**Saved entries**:

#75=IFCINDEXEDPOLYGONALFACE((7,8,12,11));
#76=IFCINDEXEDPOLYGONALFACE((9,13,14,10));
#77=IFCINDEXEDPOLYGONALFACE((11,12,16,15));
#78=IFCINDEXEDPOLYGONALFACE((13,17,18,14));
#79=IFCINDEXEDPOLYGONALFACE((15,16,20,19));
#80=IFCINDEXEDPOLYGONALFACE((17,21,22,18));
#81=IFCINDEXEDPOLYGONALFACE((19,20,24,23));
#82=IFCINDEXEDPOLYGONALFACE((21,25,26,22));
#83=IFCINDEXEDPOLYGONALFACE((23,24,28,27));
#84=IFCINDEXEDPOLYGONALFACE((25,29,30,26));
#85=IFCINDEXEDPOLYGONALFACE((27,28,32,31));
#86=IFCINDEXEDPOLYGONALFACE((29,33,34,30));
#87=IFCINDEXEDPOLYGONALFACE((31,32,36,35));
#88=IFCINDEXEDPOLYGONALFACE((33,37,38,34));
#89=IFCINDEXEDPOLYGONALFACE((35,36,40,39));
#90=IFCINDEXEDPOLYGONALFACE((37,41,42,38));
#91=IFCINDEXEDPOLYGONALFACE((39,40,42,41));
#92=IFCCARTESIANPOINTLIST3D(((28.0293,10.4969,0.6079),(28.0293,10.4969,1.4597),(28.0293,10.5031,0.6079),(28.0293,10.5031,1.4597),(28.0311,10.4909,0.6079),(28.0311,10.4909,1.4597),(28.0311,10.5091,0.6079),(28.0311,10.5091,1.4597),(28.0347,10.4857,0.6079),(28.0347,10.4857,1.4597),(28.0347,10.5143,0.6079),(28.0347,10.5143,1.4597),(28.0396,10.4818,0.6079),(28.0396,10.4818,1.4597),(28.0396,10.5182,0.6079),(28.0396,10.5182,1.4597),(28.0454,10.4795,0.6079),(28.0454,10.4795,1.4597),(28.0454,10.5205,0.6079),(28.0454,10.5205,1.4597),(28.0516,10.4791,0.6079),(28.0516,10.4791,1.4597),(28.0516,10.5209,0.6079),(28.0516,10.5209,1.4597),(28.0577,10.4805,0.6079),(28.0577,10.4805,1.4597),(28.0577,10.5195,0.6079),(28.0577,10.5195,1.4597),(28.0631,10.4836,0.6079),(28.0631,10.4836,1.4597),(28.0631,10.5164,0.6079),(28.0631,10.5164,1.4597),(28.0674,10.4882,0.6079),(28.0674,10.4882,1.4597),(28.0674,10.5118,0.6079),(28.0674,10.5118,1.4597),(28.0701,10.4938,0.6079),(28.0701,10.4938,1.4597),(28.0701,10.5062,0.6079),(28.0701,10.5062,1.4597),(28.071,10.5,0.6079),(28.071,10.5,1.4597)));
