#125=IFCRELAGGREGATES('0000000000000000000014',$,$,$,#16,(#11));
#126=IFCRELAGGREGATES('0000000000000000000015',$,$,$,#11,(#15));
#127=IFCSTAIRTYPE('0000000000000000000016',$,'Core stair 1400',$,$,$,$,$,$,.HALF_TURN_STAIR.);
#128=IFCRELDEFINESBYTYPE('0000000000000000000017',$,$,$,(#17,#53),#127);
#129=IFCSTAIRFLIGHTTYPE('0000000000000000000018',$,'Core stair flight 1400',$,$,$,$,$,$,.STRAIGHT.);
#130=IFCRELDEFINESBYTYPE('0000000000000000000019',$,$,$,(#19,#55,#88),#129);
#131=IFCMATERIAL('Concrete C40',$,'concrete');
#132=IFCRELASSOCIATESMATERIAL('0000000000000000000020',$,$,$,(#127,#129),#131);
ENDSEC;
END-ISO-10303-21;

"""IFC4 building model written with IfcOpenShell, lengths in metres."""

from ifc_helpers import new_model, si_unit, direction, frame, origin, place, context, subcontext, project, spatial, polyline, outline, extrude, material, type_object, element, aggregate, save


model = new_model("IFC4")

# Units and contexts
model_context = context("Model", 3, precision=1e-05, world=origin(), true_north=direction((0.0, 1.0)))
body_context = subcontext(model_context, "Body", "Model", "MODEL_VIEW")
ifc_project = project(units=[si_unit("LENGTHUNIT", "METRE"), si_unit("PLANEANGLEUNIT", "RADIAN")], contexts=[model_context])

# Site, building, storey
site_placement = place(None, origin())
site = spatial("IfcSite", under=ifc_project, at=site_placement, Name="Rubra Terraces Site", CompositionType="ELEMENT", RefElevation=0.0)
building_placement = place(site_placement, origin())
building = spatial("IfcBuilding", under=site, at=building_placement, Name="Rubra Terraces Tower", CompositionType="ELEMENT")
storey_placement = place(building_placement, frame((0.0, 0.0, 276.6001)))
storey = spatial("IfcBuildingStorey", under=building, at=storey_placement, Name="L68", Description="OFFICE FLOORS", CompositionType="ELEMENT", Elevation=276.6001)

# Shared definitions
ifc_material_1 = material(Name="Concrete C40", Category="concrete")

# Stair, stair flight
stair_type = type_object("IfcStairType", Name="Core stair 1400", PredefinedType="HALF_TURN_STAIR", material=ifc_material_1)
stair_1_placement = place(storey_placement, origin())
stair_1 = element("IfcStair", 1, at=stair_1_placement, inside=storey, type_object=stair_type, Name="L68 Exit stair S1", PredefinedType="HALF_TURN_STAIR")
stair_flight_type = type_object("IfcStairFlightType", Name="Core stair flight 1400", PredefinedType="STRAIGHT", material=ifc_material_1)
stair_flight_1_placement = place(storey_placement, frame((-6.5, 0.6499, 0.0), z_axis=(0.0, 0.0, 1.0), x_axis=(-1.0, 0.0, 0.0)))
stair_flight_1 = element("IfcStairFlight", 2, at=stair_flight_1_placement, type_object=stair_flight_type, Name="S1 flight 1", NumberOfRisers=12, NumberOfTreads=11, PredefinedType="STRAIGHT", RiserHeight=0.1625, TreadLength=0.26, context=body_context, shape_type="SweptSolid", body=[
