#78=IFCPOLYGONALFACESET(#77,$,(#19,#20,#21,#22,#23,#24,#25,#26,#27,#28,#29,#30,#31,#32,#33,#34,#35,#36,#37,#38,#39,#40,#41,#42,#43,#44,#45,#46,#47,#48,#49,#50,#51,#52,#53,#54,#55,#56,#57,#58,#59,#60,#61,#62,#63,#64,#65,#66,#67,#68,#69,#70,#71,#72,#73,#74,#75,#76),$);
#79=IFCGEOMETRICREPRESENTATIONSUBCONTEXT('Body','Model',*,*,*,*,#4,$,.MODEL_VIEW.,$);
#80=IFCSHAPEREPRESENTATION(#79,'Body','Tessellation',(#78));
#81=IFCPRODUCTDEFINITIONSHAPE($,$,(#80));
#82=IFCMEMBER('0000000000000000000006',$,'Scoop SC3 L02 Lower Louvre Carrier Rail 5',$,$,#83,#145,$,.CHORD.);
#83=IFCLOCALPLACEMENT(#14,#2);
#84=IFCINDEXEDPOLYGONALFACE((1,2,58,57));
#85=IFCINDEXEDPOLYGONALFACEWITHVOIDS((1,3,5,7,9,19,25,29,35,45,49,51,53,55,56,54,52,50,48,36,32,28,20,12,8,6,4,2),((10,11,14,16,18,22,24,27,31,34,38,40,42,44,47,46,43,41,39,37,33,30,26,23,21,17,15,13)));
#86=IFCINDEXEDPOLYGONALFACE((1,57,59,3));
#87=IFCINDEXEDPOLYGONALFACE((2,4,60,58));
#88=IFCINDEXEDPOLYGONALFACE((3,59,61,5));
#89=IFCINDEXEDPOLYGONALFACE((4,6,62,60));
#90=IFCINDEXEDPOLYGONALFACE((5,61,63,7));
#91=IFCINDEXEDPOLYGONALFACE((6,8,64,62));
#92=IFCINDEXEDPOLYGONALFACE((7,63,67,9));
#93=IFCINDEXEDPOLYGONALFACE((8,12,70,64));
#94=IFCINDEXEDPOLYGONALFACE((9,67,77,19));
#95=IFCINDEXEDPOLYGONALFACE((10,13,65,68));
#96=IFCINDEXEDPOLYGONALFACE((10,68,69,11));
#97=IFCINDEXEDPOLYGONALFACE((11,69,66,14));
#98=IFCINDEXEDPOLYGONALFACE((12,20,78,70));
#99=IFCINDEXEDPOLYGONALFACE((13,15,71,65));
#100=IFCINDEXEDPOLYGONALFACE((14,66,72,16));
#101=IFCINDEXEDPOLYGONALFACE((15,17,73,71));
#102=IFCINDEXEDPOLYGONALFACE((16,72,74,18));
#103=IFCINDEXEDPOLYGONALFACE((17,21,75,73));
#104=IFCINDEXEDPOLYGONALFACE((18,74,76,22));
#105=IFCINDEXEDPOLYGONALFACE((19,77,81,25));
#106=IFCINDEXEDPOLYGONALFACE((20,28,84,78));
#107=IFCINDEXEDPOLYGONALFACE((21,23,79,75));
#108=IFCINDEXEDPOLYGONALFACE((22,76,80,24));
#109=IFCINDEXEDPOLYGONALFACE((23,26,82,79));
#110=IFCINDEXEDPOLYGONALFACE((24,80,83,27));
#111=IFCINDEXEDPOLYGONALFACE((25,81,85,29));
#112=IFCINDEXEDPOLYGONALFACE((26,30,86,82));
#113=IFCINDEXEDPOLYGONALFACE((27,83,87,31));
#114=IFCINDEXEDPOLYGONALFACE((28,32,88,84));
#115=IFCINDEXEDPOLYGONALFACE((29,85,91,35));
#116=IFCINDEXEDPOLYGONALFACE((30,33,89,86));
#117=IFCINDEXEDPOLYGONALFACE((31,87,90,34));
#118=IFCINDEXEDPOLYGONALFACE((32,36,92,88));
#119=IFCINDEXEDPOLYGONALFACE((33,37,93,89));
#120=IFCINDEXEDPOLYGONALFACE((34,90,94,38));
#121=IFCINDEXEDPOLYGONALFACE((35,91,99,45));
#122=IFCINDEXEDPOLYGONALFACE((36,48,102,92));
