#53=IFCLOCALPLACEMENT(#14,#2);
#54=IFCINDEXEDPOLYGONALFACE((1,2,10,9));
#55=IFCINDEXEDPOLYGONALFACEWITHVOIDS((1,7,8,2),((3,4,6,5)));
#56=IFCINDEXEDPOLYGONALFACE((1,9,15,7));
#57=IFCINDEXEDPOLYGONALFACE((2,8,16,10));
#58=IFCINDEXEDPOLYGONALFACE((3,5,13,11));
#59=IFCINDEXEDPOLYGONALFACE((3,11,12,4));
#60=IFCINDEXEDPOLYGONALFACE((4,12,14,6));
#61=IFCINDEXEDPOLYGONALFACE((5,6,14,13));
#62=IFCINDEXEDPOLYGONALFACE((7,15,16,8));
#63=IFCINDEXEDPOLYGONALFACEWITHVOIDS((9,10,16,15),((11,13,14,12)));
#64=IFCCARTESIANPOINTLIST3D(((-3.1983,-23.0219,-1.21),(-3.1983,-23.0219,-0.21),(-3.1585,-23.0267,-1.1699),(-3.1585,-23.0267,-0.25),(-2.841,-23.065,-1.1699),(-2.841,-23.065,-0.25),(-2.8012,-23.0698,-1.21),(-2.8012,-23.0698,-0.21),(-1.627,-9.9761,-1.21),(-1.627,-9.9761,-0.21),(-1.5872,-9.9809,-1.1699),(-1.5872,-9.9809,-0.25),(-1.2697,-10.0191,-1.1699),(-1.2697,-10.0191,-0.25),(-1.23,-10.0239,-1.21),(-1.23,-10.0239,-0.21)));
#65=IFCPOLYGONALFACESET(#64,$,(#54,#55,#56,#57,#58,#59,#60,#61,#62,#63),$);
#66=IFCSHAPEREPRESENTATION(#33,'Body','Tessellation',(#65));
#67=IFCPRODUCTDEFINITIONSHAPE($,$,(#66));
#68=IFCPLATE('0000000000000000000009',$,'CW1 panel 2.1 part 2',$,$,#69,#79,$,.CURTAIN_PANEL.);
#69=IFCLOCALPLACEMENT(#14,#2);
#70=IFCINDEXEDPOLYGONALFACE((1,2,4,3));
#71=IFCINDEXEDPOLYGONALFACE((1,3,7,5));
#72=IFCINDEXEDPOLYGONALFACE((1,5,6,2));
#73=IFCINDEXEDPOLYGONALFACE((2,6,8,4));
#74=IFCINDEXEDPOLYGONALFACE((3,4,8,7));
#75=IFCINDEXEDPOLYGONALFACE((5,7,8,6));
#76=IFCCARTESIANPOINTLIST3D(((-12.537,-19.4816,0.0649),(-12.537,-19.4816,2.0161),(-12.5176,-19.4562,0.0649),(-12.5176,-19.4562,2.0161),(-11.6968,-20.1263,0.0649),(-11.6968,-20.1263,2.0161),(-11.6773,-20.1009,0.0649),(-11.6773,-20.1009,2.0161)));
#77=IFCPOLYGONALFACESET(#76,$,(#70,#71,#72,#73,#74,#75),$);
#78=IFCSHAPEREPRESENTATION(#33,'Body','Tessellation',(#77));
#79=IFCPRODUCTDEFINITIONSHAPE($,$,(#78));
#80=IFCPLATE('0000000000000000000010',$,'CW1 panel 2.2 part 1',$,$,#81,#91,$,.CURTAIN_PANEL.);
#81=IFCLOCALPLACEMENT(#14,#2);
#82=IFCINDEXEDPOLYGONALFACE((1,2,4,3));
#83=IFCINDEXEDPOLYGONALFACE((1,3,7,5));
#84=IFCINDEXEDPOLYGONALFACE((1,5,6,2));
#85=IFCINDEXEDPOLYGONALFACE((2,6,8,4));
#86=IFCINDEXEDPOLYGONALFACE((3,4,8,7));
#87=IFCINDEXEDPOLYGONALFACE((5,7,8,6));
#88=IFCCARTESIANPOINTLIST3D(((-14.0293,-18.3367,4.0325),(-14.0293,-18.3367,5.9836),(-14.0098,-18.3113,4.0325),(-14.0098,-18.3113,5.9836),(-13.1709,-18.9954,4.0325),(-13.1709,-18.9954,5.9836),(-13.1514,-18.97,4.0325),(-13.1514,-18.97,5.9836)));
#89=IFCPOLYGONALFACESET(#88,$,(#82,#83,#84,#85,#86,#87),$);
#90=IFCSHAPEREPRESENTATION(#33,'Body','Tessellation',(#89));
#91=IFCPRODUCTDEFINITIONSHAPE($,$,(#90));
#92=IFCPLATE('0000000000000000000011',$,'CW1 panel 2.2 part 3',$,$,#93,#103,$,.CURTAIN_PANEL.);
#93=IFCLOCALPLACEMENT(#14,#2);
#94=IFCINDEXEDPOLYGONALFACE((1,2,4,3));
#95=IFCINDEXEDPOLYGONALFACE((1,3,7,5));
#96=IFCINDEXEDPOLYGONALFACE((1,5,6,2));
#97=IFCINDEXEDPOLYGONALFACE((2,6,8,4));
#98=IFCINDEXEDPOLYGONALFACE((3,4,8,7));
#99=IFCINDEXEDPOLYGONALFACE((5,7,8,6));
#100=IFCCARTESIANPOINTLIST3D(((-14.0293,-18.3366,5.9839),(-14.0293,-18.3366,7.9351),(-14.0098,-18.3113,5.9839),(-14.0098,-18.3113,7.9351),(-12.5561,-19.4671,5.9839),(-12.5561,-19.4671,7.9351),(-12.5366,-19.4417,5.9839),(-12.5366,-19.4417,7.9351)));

**Exercise objective**: Would you set down, word for word, the lines from the opening of the entries above through the line with "#83=IFCINDEXEDPOLYGONALFACE((23,24,28,27));", both included, and no others?

**Solution for this problem**:
#75=IFCINDEXEDPOLYGONALFACE((7,8,12,11));
#76=IFCINDEXEDPOLYGONALFACE((9,13,14,10));
#77=IFCINDEXEDPOLYGONALFACE((11,12,16,15));
#78=IFCINDEXEDPOLYGONALFACE((13,17,18,14));
#79=IFCINDEXEDPOLYGONALFACE((15,16,20,19));
#80=IFCINDEXEDPOLYGONALFACE((17,21,22,18));
#81=IFCINDEXEDPOLYGONALFACE((19,20,24,23));
#82=IFCINDEXEDPOLYGONALFACE((21,25,26,22));
#83=IFCINDEXEDPOLYGONALFACE((23,24,28,27));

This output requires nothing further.